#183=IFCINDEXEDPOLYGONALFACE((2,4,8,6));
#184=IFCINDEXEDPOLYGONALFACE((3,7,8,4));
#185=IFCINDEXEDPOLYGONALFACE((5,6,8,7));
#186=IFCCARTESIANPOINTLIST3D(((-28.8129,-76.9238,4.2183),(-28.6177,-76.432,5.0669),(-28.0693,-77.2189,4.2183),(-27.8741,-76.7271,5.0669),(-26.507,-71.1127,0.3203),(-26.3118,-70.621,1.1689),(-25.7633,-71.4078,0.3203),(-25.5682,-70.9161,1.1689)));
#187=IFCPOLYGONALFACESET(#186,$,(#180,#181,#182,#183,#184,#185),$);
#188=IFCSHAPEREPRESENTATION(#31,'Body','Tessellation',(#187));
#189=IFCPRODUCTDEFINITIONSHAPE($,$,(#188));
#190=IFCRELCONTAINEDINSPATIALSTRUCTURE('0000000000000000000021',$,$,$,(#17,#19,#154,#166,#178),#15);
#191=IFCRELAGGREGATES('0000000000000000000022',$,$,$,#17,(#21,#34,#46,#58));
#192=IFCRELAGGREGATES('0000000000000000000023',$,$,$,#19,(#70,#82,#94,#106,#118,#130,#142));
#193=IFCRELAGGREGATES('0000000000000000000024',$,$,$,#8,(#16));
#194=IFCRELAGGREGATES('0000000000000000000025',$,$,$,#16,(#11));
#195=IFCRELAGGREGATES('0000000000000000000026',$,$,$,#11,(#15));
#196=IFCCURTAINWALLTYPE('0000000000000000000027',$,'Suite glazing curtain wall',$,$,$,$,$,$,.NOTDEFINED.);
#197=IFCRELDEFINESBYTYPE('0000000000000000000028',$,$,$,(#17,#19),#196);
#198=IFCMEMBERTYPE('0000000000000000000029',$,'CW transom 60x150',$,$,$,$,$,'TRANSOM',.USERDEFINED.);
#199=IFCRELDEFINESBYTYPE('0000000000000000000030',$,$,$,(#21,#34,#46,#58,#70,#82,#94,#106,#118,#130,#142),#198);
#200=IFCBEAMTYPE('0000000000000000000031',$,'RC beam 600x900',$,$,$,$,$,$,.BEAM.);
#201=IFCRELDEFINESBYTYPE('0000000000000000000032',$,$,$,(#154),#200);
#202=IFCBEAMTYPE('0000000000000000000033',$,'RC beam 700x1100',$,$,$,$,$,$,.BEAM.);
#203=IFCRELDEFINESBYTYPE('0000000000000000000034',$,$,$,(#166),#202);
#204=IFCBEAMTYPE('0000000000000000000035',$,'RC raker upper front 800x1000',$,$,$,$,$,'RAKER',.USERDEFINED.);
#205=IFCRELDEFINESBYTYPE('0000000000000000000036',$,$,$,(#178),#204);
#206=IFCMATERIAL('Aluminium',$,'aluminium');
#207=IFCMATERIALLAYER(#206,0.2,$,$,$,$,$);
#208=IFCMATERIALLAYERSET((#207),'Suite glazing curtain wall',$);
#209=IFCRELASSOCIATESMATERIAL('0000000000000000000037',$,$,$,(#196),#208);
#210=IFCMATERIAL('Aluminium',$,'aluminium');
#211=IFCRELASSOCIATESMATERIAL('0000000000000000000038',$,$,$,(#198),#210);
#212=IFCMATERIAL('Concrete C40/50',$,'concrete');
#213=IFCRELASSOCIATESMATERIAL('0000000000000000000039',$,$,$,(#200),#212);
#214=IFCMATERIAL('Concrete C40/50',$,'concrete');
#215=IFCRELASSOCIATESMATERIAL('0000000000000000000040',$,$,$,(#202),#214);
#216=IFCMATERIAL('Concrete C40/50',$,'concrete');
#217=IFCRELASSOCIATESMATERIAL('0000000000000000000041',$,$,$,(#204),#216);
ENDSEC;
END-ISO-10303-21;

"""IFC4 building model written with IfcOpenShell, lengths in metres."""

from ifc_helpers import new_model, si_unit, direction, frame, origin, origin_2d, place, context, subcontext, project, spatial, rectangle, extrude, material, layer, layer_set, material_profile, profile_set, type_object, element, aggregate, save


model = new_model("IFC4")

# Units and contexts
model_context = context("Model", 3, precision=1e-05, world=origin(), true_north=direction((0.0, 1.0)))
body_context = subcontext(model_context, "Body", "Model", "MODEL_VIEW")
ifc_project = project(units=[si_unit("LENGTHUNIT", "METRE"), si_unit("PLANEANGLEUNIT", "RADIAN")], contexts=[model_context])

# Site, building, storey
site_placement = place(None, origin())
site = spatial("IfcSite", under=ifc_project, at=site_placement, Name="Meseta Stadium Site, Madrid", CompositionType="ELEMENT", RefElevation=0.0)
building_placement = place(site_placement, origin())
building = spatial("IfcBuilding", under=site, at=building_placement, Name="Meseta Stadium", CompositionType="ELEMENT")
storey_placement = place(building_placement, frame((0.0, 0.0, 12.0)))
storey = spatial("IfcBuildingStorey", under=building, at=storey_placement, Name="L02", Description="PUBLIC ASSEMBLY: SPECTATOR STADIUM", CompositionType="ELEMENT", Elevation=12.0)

____________________

Task to carry out. The complete listing is to be repeated exactly.

Output.
#183=IFCINDEXEDPOLYGONALFACE((2,4,8,6));
#184=IFCINDEXEDPOLYGONALFACE((3,7,8,4));
#185=IFCINDEXEDPOLYGONALFACE((5,6,8,7));
#186=IFCCARTESIANPOINTLIST3D(((-28.8129,-76.9238,4.2183),(-28.6177,-76.432,5.0669),(-28.0693,-77.2189,4.2183),(-27.8741,-76.7271,5.0669),(-26.507,-71.1127,0.3203),(-26.3118,-70.621,1.1689),(-25.7633,-71.4078,0.3203),(-25.5682,-70.9161,1.1689)));
#187=IFCPOLYGONALFACESET(#186,$,(#180,#181,#182,#183,#184,#185),$);
#188=IFCSHAPEREPRESENTATION(#31,'Body','Tessellation',(#187));
#189=IFCPRODUCTDEFINITIONSHAPE($,$,(#188));
#190=IFCRELCONTAINEDINSPATIALSTRUCTURE('0000000000000000000021',$,$,$,(#17,#19,#154,#166,#178),#15);
#191=IFCRELAGGREGATES('0000000000000000000022',$,$,$,#17,(#21,#34,#46,#58));
#192=IFCRELAGGREGATES('0000000000000000000023',$,$,$,#19,(#70,#82,#94,#106,#118,#130,#142));
#193=IFCRELAGGREGATES('0000000000000000000024',$,$,$,#8,(#16));
#194=IFCRELAGGREGATES('0000000000000000000025',$,$,$,#16,(#11));
#195=IFCRELAGGREGATES('0000000000000000000026',$,$,$,#11,(#15));
#196=IFCCURTAINWALLTYPE('0000000000000000000027',$,'Suite glazing curtain wall',$,$,$,$,$,$,.NOTDEFINED.);
#197=IFCRELDEFINESBYTYPE('0000000000000000000028',$,$,$,(#17,#19),#196);
#198=IFCMEMBERTYPE('0000000000000000000029',$,'CW transom 60x150',$,$,$,$,$,'TRANSOM',.USERDEFINED.);
#199=IFCRELDEFINESBYTYPE('0000000000000000000030',$,$,$,(#21,#34,#46,#58,#70,#82,#94,#106,#118,#130,#142),#198);
#200=IFCBEAMTYPE('0000000000000000000031',$,'RC beam 600x900',$,$,$,$,$,$,.BEAM.);
#201=IFCRELDEFINESBYTYPE('0000000000000000000032',$,$,$,(#154),#200);
#202=IFCBEAMTYPE('0000000000000000000033',$,'RC beam 700x1100',$,$,$,$,$,$,.BEAM.);
#203=IFCRELDEFINESBYTYPE('0000000000000000000034',$,$,$,(#166),#202);
#204=IFCBEAMTYPE('0000000000000000000035',$,'RC raker upper front 800x1000',$,$,$,$,$,'RAKER',.USERDEFINED.);
#205=IFCRELDEFINESBYTYPE('0000000000000000000036',$,$,$,(#178),#204);
#206=IFCMATERIAL('Aluminium',$,'aluminium');
#207=IFCMATERIALLAYER(#206,0.2,$,$,$,$,$);
#208=IFCMATERIALLAYERSET((#207),'Suite glazing curtain wall',$);
#209=IFCRELASSOCIATESMATERIAL('0000000000000000000037',$,$,$,(#196),#208);
#210=IFCMATERIAL('Aluminium',$,'aluminium');
#211=IFCRELASSOCIATESMATERIAL('0000000000000000000038',$,$,$,(#198),#210);
#212=IFCMATERIAL('Concrete C40/50',$,'concrete');
#213=IFCRELASSOCIATESMATERIAL('0000000000000000000039',$,$,$,(#200),#212);
#214=IFCMATERIAL('Concrete C40/50',$,'concrete');
#215=IFCRELASSOCIATESMATERIAL('0000000000000000000040',$,$,$,(#202),#214);
#216=IFCMATERIAL('Concrete C40/50',$,'concrete');
#217=IFCRELASSOCIATESMATERIAL('0000000000000000000041',$,$,$,(#204),#216);
ENDSEC;
END-ISO-10303-21;

"""IFC4 building model written with IfcOpenShell, lengths in metres."""

from ifc_helpers import new_model, si_unit, direction, frame, origin, origin_2d, place, context, subcontext, project, spatial, rectangle, extrude, material, layer, layer_set, material_profile, profile_set, type_object, element, aggregate, save


model = new_model("IFC4")

# Units and contexts
model_context = context("Model", 3, precision=1e-05, world=origin(), true_north=direction((0.0, 1.0)))
body_context = subcontext(model_context, "Body", "Model", "MODEL_VIEW")
ifc_project = project(units=[si_unit("LENGTHUNIT", "METRE"), si_unit("PLANEANGLEUNIT", "RADIAN")], contexts=[model_context])

# Site, building, storey
site_placement = place(None, origin())
site = spatial("IfcSite", under=ifc_project, at=site_placement, Name="Meseta Stadium Site, Madrid", CompositionType="ELEMENT", RefElevation=0.0)
building_placement = place(site_placement, origin())
building = spatial("IfcBuilding", under=site, at=building_placement, Name="Meseta Stadium", CompositionType="ELEMENT")
storey_placement = place(building_placement, frame((0.0, 0.0, 12.0)))
storey = spatial("IfcBuildingStorey", under=building, at=storey_placement, Name="L02", Description="PUBLIC ASSEMBLY: SPECTATOR STADIUM", CompositionType="ELEMENT", Elevation=12.0)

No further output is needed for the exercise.